TASK ITEM:
Line by line, repeat the material below without any deviation.
• • • •
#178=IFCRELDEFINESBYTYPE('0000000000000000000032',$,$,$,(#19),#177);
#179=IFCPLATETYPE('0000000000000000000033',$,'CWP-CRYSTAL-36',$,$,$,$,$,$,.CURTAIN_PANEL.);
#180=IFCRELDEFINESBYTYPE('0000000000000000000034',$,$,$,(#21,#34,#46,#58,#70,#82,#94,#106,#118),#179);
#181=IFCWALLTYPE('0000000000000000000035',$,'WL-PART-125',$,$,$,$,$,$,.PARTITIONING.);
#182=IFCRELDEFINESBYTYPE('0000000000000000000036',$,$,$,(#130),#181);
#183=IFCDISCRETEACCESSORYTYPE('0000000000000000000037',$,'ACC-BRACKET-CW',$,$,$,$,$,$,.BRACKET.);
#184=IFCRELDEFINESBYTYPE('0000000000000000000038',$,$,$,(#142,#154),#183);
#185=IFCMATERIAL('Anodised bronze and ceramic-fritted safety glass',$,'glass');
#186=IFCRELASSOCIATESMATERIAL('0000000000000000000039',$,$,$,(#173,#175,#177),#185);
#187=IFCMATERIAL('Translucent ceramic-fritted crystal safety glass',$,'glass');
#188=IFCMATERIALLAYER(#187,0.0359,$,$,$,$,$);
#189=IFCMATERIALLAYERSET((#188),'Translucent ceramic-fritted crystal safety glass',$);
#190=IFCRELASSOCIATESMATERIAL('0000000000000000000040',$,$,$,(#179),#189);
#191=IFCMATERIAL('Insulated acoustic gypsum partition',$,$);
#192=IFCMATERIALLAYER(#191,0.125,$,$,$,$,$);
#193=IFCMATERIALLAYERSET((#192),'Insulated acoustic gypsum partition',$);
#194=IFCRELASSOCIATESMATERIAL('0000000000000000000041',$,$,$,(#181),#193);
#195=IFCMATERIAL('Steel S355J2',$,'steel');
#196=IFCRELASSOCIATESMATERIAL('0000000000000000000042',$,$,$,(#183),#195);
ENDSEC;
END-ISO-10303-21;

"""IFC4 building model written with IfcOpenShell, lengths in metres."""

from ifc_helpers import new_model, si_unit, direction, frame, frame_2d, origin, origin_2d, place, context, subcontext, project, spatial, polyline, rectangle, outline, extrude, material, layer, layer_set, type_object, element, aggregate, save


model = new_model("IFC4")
• • • •
TASK SOLUTION:
#178=IFCRELDEFINESBYTYPE('0000000000000000000032',$,$,$,(#19),#177);
#179=IFCPLATETYPE('0000000000000000000033',$,'CWP-CRYSTAL-36',$,$,$,$,$,$,.CURTAIN_PANEL.);
#180=IFCRELDEFINESBYTYPE('0000000000000000000034',$,$,$,(#21,#34,#46,#58,#70,#82,#94,#106,#118),#179);
#181=IFCWALLTYPE('0000000000000000000035',$,'WL-PART-125',$,$,$,$,$,$,.PARTITIONING.);
#182=IFCRELDEFINESBYTYPE('0000000000000000000036',$,$,$,(#130),#181);
#183=IFCDISCRETEACCESSORYTYPE('0000000000000000000037',$,'ACC-BRACKET-CW',$,$,$,$,$,$,.BRACKET.);
#184=IFCRELDEFINESBYTYPE('0000000000000000000038',$,$,$,(#142,#154),#183);
#185=IFCMATERIAL('Anodised bronze and ceramic-fritted safety glass',$,'glass');
#186=IFCRELASSOCIATESMATERIAL('0000000000000000000039',$,$,$,(#173,#175,#177),#185);
#187=IFCMATERIAL('Translucent ceramic-fritted crystal safety glass',$,'glass');
#188=IFCMATERIALLAYER(#187,0.0359,$,$,$,$,$);
#189=IFCMATERIALLAYERSET((#188),'Translucent ceramic-fritted crystal safety glass',$);
#190=IFCRELASSOCIATESMATERIAL('0000000000000000000040',$,$,$,(#179),#189);
#191=IFCMATERIAL('Insulated acoustic gypsum partition',$,$);
#192=IFCMATERIALLAYER(#191,0.125,$,$,$,$,$);
#193=IFCMATERIALLAYERSET((#192),'Insulated acoustic gypsum partition',$);
#194=IFCRELASSOCIATESMATERIAL('0000000000000000000041',$,$,$,(#181),#193);
#195=IFCMATERIAL('Steel S355J2',$,'steel');
#196=IFCRELASSOCIATESMATERIAL('0000000000000000000042',$,$,$,(#183),#195);
ENDSEC;
END-ISO-10303-21;

"""IFC4 building model written with IfcOpenShell, lengths in metres."""

from ifc_helpers import new_model, si_unit, direction, frame, frame_2d, origin, origin_2d, place, context, subcontext, project, spatial, polyline, rectangle, outline, extrude, material, layer, layer_set, type_object, element, aggregate, save


model = new_model("IFC4")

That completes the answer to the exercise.